Saved data entries:
# # # # #

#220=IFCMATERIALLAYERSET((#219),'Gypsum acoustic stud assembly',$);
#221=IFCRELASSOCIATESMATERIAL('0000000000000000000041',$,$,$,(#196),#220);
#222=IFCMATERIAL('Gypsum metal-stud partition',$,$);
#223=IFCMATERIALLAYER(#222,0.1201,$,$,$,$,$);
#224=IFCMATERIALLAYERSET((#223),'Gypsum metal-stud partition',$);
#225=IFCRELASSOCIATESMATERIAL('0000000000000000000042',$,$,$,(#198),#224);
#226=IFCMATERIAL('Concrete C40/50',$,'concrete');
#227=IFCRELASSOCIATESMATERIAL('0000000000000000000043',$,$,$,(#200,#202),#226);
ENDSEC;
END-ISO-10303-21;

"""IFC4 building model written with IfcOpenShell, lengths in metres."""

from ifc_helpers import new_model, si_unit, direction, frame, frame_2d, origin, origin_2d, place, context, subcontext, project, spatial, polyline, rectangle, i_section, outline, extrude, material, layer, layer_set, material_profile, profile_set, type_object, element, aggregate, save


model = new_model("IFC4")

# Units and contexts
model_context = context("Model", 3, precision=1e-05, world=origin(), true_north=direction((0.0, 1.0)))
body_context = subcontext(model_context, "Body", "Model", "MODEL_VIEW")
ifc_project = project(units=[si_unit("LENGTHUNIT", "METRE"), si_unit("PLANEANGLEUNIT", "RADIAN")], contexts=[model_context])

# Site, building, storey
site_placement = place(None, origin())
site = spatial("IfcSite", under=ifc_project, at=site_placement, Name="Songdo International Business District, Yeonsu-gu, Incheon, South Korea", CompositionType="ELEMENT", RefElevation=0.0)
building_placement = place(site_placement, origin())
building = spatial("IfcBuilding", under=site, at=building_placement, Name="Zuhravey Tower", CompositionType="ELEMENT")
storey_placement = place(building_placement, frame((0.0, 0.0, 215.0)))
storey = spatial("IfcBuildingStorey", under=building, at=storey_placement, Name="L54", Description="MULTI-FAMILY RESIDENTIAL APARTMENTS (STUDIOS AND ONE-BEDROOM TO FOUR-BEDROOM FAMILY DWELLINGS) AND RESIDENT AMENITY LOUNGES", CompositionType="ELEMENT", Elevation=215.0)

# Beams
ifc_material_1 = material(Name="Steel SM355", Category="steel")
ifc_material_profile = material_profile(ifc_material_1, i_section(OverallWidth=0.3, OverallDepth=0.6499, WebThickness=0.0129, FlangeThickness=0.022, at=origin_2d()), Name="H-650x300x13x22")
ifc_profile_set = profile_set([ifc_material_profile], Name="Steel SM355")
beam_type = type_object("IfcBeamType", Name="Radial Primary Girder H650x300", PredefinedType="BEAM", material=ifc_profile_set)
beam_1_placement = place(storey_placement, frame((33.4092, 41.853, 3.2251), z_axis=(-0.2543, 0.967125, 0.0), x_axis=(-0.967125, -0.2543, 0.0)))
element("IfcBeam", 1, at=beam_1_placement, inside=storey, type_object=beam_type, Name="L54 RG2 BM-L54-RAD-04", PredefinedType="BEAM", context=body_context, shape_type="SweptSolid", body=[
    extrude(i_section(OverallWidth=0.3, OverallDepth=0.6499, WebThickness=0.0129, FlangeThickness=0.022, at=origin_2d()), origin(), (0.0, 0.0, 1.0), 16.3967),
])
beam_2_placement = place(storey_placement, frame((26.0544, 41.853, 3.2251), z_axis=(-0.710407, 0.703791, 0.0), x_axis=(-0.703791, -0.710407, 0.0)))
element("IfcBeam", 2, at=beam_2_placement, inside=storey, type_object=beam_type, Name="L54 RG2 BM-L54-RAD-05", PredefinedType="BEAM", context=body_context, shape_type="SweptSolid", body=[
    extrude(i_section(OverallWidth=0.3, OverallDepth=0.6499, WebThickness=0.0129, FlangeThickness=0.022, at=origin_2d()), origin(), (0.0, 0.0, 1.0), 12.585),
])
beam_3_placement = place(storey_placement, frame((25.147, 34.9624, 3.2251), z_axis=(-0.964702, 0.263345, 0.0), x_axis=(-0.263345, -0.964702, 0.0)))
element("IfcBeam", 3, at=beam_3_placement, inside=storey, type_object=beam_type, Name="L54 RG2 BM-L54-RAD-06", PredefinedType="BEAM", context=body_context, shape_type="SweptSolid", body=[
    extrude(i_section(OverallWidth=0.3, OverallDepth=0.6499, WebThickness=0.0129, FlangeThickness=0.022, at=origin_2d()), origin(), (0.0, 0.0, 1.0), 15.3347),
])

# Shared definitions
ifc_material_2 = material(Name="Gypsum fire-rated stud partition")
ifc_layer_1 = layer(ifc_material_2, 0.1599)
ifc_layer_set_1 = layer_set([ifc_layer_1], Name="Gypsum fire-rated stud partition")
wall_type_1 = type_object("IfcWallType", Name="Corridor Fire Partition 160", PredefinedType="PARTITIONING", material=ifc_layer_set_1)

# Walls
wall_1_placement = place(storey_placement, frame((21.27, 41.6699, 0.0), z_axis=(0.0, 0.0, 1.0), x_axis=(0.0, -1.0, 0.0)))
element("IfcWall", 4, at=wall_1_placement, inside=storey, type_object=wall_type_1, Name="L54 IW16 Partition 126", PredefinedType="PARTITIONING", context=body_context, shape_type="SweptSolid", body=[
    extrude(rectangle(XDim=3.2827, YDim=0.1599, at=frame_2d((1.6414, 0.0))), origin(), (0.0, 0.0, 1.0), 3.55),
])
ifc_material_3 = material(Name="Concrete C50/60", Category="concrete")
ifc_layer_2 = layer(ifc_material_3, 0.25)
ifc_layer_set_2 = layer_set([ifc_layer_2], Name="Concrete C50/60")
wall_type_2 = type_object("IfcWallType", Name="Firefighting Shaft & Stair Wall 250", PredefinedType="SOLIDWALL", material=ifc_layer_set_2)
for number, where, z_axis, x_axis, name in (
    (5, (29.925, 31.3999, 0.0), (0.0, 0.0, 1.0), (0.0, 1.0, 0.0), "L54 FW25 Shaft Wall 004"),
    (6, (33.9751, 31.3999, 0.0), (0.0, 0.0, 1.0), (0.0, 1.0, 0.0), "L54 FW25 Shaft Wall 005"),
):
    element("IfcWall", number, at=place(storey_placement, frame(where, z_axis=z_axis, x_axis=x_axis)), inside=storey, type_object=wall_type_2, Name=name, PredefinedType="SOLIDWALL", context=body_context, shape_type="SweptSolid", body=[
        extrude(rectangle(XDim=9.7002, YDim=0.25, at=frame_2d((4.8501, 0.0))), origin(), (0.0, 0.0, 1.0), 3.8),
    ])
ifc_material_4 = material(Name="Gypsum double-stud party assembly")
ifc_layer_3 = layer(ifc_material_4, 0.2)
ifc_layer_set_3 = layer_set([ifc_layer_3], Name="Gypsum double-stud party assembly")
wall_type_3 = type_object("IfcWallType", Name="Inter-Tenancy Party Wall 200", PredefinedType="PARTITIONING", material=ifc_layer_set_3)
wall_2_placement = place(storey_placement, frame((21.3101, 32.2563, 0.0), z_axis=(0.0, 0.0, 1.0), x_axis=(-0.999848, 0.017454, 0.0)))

# # # # #

In full and without alteration, repeat the records.

#220=IFCMATERIALLAYERSET((#219),'Gypsum acoustic stud assembly',$);
#221=IFCRELASSOCIATESMATERIAL('0000000000000000000041',$,$,$,(#196),#220);
#222=IFCMATERIAL('Gypsum metal-stud partition',$,$);
#223=IFCMATERIALLAYER(#222,0.1201,$,$,$,$,$);
#224=IFCMATERIALLAYERSET((#223),'Gypsum metal-stud partition',$);
#225=IFCRELASSOCIATESMATERIAL('0000000000000000000042',$,$,$,(#198),#224);
#226=IFCMATERIAL('Concrete C40/50',$,'concrete');
#227=IFCRELASSOCIATESMATERIAL('0000000000000000000043',$,$,$,(#200,#202),#226);
ENDSEC;
END-ISO-10303-21;

"""IFC4 building model written with IfcOpenShell, lengths in metres."""

from ifc_helpers import new_model, si_unit, direction, frame, frame_2d, origin, origin_2d, place, context, subcontext, project, spatial, polyline, rectangle, i_section, outline, extrude, material, layer, layer_set, material_profile, profile_set, type_object, element, aggregate, save


model = new_model("IFC4")

# Units and contexts
model_context = context("Model", 3, precision=1e-05, world=origin(), true_north=direction((0.0, 1.0)))
body_context = subcontext(model_context, "Body", "Model", "MODEL_VIEW")
ifc_project = project(units=[si_unit("LENGTHUNIT", "METRE"), si_unit("PLANEANGLEUNIT", "RADIAN")], contexts=[model_context])

# Site, building, storey
site_placement = place(None, origin())
site = spatial("IfcSite", under=ifc_project, at=site_placement, Name="Songdo International Business District, Yeonsu-gu, Incheon, South Korea", CompositionType="ELEMENT", RefElevation=0.0)
building_placement = place(site_placement, origin())
building = spatial("IfcBuilding", under=site, at=building_placement, Name="Zuhravey Tower", CompositionType="ELEMENT")
storey_placement = place(building_placement, frame((0.0, 0.0, 215.0)))
storey = spatial("IfcBuildingStorey", under=building, at=storey_placement, Name="L54", Description="MULTI-FAMILY RESIDENTIAL APARTMENTS (STUDIOS AND ONE-BEDROOM TO FOUR-BEDROOM FAMILY DWELLINGS) AND RESIDENT AMENITY LOUNGES", CompositionType="ELEMENT", Elevation=215.0)

# Beams
ifc_material_1 = material(Name="Steel SM355", Category="steel")
ifc_material_profile = material_profile(ifc_material_1, i_section(OverallWidth=0.3, OverallDepth=0.6499, WebThickness=0.0129, FlangeThickness=0.022, at=origin_2d()), Name="H-650x300x13x22")
ifc_profile_set = profile_set([ifc_material_profile], Name="Steel SM355")
beam_type = type_object("IfcBeamType", Name="Radial Primary Girder H650x300", PredefinedType="BEAM", material=ifc_profile_set)
beam_1_placement = place(storey_placement, frame((33.4092, 41.853, 3.2251), z_axis=(-0.2543, 0.967125, 0.0), x_axis=(-0.967125, -0.2543, 0.0)))
element("IfcBeam", 1, at=beam_1_placement, inside=storey, type_object=beam_type, Name="L54 RG2 BM-L54-RAD-04", PredefinedType="BEAM", context=body_context, shape_type="SweptSolid", body=[
    extrude(i_section(OverallWidth=0.3, OverallDepth=0.6499, WebThickness=0.0129, FlangeThickness=0.022, at=origin_2d()), origin(), (0.0, 0.0, 1.0), 16.3967),
])
beam_2_placement = place(storey_placement, frame((26.0544, 41.853, 3.2251), z_axis=(-0.710407, 0.703791, 0.0), x_axis=(-0.703791, -0.710407, 0.0)))
element("IfcBeam", 2, at=beam_2_placement, inside=storey, type_object=beam_type, Name="L54 RG2 BM-L54-RAD-05", PredefinedType="BEAM", context=body_context, shape_type="SweptSolid", body=[
    extrude(i_section(OverallWidth=0.3, OverallDepth=0.6499, WebThickness=0.0129, FlangeThickness=0.022, at=origin_2d()), origin(), (0.0, 0.0, 1.0), 12.585),
])
beam_3_placement = place(storey_placement, frame((25.147, 34.9624, 3.2251), z_axis=(-0.964702, 0.263345, 0.0), x_axis=(-0.263345, -0.964702, 0.0)))
element("IfcBeam", 3, at=beam_3_placement, inside=storey, type_object=beam_type, Name="L54 RG2 BM-L54-RAD-06", PredefinedType="BEAM", context=body_context, shape_type="SweptSolid", body=[
    extrude(i_section(OverallWidth=0.3, OverallDepth=0.6499, WebThickness=0.0129, FlangeThickness=0.022, at=origin_2d()), origin(), (0.0, 0.0, 1.0), 15.3347),
])

# Shared definitions
ifc_material_2 = material(Name="Gypsum fire-rated stud partition")
ifc_layer_1 = layer(ifc_material_2, 0.1599)
ifc_layer_set_1 = layer_set([ifc_layer_1], Name="Gypsum fire-rated stud partition")
wall_type_1 = type_object("IfcWallType", Name="Corridor Fire Partition 160", PredefinedType="PARTITIONING", material=ifc_layer_set_1)

# Walls
wall_1_placement = place(storey_placement, frame((21.27, 41.6699, 0.0), z_axis=(0.0, 0.0, 1.0), x_axis=(0.0, -1.0, 0.0)))
element("IfcWall", 4, at=wall_1_placement, inside=storey, type_object=wall_type_1, Name="L54 IW16 Partition 126", PredefinedType="PARTITIONING", context=body_context, shape_type="SweptSolid", body=[
    extrude(rectangle(XDim=3.2827, YDim=0.1599, at=frame_2d((1.6414, 0.0))), origin(), (0.0, 0.0, 1.0), 3.55),
])
ifc_material_3 = material(Name="Concrete C50/60", Category="concrete")
ifc_layer_2 = layer(ifc_material_3, 0.25)
ifc_layer_set_2 = layer_set([ifc_layer_2], Name="Concrete C50/60")
wall_type_2 = type_object("IfcWallType", Name="Firefighting Shaft & Stair Wall 250", PredefinedType="SOLIDWALL", material=ifc_layer_set_2)
for number, where, z_axis, x_axis, name in (
    (5, (29.925, 31.3999, 0.0), (0.0, 0.0, 1.0), (0.0, 1.0, 0.0), "L54 FW25 Shaft Wall 004"),
    (6, (33.9751, 31.3999, 0.0), (0.0, 0.0, 1.0), (0.0, 1.0, 0.0), "L54 FW25 Shaft Wall 005"),
):
    element("IfcWall", number, at=place(storey_placement, frame(where, z_axis=z_axis, x_axis=x_axis)), inside=storey, type_object=wall_type_2, Name=name, PredefinedType="SOLIDWALL", context=body_context, shape_type="SweptSolid", body=[
        extrude(rectangle(XDim=9.7002, YDim=0.25, at=frame_2d((4.8501, 0.0))), origin(), (0.0, 0.0, 1.0), 3.8),
    ])
ifc_material_4 = material(Name="Gypsum double-stud party assembly")
ifc_layer_3 = layer(ifc_material_4, 0.2)
ifc_layer_set_3 = layer_set([ifc_layer_3], Name="Gypsum double-stud party assembly")
wall_type_3 = type_object("IfcWallType", Name="Inter-Tenancy Party Wall 200", PredefinedType="PARTITIONING", material=ifc_layer_set_3)
wall_2_placement = place(storey_placement, frame((21.3101, 32.2563, 0.0), z_axis=(0.0, 0.0, 1.0), x_axis=(-0.999848, 0.017454, 0.0)))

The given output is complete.